Records from a data collection
┄┄┄┄┄┄┄┄┄┄┄┄┄┄┄┄┄┄┄┄
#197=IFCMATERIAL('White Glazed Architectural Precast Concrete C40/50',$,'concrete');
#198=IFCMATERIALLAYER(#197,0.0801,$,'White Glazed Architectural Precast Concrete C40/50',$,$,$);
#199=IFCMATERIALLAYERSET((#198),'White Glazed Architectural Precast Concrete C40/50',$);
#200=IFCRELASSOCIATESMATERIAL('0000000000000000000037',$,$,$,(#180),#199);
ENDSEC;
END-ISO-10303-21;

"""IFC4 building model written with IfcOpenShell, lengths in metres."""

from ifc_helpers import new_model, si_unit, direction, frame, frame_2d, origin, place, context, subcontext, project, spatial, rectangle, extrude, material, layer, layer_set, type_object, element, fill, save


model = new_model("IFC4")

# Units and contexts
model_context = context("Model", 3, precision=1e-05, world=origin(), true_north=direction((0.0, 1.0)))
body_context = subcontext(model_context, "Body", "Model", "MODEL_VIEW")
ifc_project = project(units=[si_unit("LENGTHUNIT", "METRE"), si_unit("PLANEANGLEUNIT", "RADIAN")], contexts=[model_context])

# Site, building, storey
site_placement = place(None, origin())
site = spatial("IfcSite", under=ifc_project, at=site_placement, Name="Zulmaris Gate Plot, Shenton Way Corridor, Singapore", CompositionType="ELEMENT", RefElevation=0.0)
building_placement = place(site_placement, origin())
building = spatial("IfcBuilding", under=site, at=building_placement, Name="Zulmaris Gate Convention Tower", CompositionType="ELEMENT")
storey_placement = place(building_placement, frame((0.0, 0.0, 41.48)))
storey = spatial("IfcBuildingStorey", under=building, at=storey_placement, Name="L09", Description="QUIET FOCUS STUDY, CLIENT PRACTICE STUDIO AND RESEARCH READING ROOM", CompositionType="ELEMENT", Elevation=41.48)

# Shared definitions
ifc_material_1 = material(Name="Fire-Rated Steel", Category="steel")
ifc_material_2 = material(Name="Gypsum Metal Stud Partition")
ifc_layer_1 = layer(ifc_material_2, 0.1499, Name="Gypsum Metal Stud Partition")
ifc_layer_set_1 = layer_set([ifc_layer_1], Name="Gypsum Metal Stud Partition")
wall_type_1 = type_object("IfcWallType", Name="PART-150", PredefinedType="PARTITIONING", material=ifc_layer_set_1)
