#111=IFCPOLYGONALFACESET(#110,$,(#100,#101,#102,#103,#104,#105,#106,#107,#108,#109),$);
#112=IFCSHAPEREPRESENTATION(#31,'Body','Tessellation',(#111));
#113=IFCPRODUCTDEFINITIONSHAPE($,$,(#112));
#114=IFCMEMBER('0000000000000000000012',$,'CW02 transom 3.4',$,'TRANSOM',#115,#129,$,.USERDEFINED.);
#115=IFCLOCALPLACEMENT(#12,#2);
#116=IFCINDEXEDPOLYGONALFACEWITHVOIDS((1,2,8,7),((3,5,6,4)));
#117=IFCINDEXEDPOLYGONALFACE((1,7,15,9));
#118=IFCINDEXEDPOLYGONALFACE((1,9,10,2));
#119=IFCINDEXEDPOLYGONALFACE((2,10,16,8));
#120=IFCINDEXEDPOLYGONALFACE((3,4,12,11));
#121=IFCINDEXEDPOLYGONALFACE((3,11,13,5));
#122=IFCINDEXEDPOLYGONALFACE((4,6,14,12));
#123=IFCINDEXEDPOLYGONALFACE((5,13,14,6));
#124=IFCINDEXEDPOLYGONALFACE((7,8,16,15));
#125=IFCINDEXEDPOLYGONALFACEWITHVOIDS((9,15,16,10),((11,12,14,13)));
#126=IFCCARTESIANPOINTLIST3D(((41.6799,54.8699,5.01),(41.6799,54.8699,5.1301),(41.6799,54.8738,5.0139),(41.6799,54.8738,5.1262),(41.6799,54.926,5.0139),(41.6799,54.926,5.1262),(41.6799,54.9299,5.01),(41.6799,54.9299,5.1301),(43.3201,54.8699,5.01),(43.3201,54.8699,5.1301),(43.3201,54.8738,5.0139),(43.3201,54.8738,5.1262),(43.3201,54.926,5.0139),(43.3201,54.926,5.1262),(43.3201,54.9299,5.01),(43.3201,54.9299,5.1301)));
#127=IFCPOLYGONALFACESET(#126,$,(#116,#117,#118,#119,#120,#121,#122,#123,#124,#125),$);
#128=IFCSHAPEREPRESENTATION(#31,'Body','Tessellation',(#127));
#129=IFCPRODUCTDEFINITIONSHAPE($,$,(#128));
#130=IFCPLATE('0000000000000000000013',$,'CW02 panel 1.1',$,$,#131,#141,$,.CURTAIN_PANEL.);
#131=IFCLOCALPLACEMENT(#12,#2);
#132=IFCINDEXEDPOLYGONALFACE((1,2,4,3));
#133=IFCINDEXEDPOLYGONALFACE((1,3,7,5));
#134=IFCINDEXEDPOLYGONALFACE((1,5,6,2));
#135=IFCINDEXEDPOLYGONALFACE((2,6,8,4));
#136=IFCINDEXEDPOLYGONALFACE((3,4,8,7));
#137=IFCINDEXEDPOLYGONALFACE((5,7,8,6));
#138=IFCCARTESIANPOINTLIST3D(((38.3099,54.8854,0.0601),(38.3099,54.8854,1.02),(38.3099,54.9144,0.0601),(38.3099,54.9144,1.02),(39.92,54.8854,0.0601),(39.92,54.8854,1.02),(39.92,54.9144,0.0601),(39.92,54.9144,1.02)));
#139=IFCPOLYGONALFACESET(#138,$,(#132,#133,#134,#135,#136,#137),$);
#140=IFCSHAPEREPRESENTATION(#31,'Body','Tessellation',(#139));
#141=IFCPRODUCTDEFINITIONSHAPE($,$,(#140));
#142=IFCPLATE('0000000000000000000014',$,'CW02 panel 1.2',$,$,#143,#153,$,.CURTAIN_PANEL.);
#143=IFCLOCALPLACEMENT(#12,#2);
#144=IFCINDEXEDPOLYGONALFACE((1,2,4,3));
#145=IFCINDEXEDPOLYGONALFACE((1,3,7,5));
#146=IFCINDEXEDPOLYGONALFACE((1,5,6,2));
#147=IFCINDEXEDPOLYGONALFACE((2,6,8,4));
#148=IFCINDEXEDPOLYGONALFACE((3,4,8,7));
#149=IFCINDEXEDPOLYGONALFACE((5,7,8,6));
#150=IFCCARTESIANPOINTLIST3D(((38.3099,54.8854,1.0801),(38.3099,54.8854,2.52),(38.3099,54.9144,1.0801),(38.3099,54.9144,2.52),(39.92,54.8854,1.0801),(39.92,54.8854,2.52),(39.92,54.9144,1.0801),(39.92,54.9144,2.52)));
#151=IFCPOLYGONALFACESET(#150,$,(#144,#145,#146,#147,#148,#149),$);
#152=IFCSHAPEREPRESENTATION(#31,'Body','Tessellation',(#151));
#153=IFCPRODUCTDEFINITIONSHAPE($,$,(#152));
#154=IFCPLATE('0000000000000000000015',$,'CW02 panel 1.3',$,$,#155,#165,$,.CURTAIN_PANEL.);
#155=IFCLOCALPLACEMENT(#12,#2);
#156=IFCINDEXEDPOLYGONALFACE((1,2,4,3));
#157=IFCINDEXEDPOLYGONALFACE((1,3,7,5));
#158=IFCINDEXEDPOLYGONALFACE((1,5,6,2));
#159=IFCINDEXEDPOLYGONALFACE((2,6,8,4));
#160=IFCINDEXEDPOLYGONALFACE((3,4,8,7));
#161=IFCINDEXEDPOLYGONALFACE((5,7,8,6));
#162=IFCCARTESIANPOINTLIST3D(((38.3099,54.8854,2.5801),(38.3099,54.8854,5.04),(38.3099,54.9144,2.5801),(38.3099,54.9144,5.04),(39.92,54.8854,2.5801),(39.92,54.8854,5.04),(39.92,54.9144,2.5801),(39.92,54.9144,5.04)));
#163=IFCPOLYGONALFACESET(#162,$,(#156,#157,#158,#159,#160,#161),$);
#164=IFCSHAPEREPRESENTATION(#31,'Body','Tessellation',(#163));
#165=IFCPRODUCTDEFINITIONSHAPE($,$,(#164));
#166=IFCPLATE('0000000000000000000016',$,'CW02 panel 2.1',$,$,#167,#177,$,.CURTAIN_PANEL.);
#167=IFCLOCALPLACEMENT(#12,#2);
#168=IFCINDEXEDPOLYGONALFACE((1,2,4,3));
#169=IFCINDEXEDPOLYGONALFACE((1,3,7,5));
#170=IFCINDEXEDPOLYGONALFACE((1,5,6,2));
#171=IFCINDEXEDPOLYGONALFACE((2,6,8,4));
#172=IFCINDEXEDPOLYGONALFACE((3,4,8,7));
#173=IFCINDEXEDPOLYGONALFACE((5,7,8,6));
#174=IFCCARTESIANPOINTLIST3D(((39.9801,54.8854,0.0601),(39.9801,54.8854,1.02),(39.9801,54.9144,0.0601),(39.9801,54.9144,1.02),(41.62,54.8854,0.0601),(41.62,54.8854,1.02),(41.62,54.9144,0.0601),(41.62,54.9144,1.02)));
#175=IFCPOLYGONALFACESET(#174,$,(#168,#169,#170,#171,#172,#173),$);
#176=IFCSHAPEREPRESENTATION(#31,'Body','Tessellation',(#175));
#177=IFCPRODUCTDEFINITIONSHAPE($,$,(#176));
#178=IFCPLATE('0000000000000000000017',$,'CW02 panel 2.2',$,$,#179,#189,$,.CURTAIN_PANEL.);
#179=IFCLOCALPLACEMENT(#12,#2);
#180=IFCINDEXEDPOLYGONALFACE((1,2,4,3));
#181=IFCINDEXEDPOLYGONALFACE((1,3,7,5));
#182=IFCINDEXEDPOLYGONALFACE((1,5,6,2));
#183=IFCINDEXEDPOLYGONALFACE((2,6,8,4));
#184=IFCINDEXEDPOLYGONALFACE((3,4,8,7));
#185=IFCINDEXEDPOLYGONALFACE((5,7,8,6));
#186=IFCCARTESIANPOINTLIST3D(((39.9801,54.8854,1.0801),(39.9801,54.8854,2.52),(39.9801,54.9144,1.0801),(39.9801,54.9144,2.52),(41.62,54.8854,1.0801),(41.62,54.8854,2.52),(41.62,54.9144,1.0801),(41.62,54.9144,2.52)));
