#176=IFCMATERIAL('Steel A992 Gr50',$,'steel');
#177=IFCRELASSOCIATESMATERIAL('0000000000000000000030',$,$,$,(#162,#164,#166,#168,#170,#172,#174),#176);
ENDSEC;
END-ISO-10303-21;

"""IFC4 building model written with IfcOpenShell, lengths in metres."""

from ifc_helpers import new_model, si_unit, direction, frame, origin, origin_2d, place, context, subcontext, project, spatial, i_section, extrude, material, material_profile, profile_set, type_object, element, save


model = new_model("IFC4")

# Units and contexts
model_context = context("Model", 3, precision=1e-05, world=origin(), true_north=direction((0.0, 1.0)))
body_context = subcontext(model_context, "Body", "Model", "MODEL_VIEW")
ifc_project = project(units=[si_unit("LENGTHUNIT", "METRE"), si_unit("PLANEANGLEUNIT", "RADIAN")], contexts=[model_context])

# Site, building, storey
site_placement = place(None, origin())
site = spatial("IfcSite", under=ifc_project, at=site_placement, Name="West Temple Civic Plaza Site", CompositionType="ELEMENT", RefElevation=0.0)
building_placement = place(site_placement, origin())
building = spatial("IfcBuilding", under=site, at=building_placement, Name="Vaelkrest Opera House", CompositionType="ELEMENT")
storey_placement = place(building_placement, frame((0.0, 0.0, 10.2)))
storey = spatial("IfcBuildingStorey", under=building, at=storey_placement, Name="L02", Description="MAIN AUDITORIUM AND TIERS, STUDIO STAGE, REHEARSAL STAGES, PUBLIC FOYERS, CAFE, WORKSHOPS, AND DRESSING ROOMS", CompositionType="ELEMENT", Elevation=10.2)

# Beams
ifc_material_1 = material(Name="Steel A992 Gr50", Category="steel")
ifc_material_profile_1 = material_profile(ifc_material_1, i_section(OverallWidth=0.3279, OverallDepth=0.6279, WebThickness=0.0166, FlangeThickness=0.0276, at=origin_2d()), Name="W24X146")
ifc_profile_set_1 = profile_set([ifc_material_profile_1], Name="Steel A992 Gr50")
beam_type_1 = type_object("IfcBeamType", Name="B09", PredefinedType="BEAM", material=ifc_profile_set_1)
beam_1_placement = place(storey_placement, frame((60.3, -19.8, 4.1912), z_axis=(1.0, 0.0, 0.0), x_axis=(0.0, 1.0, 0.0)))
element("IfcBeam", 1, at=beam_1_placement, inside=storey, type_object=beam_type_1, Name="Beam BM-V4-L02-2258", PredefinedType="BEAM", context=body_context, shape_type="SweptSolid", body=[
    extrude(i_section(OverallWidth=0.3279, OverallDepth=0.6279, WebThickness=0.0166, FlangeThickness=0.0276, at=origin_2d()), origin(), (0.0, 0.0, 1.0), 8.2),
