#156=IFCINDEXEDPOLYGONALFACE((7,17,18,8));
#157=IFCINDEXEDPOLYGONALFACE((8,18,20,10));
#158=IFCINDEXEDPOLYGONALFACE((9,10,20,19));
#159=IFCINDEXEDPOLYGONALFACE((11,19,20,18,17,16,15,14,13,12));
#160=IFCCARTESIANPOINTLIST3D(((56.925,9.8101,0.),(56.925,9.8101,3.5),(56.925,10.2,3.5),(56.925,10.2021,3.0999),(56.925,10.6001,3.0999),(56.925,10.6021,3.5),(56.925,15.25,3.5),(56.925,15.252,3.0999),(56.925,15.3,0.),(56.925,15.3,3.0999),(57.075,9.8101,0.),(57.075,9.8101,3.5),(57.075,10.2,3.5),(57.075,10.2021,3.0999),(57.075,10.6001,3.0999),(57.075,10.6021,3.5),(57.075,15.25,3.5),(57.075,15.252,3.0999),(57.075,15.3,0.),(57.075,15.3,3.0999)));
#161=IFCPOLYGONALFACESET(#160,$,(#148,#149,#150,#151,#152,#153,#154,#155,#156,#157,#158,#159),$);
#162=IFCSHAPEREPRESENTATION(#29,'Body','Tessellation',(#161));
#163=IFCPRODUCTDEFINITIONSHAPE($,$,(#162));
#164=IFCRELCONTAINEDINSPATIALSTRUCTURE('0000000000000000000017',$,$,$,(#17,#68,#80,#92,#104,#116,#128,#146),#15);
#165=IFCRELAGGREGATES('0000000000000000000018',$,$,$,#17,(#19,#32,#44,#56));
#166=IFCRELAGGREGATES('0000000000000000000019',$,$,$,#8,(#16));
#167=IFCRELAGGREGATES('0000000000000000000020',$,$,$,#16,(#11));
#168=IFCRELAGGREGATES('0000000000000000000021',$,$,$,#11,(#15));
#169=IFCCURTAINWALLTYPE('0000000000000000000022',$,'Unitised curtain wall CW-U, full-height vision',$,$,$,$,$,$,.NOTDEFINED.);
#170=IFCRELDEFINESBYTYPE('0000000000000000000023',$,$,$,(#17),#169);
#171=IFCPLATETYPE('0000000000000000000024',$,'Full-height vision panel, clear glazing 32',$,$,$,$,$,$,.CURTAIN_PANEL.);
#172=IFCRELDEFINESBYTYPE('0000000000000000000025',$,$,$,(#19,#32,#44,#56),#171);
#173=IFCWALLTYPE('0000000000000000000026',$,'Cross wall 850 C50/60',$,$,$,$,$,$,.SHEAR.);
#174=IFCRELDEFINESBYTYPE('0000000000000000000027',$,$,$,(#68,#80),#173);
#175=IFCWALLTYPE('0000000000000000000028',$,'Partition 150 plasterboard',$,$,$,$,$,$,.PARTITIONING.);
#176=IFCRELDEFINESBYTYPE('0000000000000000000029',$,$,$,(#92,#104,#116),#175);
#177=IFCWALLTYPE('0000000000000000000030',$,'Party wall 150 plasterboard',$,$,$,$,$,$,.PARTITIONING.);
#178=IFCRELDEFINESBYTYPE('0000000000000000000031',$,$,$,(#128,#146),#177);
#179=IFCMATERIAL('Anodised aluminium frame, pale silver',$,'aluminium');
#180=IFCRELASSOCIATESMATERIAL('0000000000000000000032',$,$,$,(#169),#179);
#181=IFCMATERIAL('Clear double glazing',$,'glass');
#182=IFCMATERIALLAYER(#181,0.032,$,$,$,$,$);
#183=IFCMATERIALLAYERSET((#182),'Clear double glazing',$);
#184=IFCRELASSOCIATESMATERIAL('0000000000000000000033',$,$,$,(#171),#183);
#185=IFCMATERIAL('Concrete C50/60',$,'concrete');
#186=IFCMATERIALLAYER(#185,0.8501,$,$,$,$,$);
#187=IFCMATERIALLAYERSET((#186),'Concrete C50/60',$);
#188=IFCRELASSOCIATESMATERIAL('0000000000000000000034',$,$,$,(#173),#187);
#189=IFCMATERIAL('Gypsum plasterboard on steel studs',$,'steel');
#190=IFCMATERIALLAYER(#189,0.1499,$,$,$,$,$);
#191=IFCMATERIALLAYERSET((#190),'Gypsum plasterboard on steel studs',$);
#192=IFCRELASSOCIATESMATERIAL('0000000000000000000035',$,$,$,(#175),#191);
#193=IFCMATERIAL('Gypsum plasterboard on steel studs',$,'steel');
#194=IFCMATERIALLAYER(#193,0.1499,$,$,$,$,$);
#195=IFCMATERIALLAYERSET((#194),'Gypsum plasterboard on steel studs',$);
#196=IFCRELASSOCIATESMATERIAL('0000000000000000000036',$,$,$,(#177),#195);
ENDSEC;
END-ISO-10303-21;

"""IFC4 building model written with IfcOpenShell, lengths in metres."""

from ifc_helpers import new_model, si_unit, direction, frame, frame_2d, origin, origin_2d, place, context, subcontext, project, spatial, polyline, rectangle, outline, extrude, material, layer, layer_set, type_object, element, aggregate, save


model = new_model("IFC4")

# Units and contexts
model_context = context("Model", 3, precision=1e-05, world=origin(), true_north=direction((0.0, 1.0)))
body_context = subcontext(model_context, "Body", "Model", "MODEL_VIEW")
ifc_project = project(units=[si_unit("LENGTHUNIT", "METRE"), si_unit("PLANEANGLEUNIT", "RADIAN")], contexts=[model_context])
┄┄┄┄┄┄┄┄┄┄┄┄┄┄┄┄┄┄┄┄
Aim of the task - Of the lines above, retype only those from the line containing "#117=IFCINDEXEDPOLYGONALFACE((1,7,15,9));" through the line containing "#124=IFCINDEXEDPOLYGONALFACE((7,8,16,15));", including both, exactly.

Exercise result -
#117=IFCINDEXEDPOLYGONALFACE((1,7,15,9));
#118=IFCINDEXEDPOLYGONALFACE((1,9,10,2));
#119=IFCINDEXEDPOLYGONALFACE((2,10,16,8));
#120=IFCINDEXEDPOLYGONALFACE((3,4,12,11));
#121=IFCINDEXEDPOLYGONALFACE((3,11,13,5));
#122=IFCINDEXEDPOLYGONALFACE((4,6,14,12));
#123=IFCINDEXEDPOLYGONALFACE((5,13,14,6));
#124=IFCINDEXEDPOLYGONALFACE((7,8,16,15));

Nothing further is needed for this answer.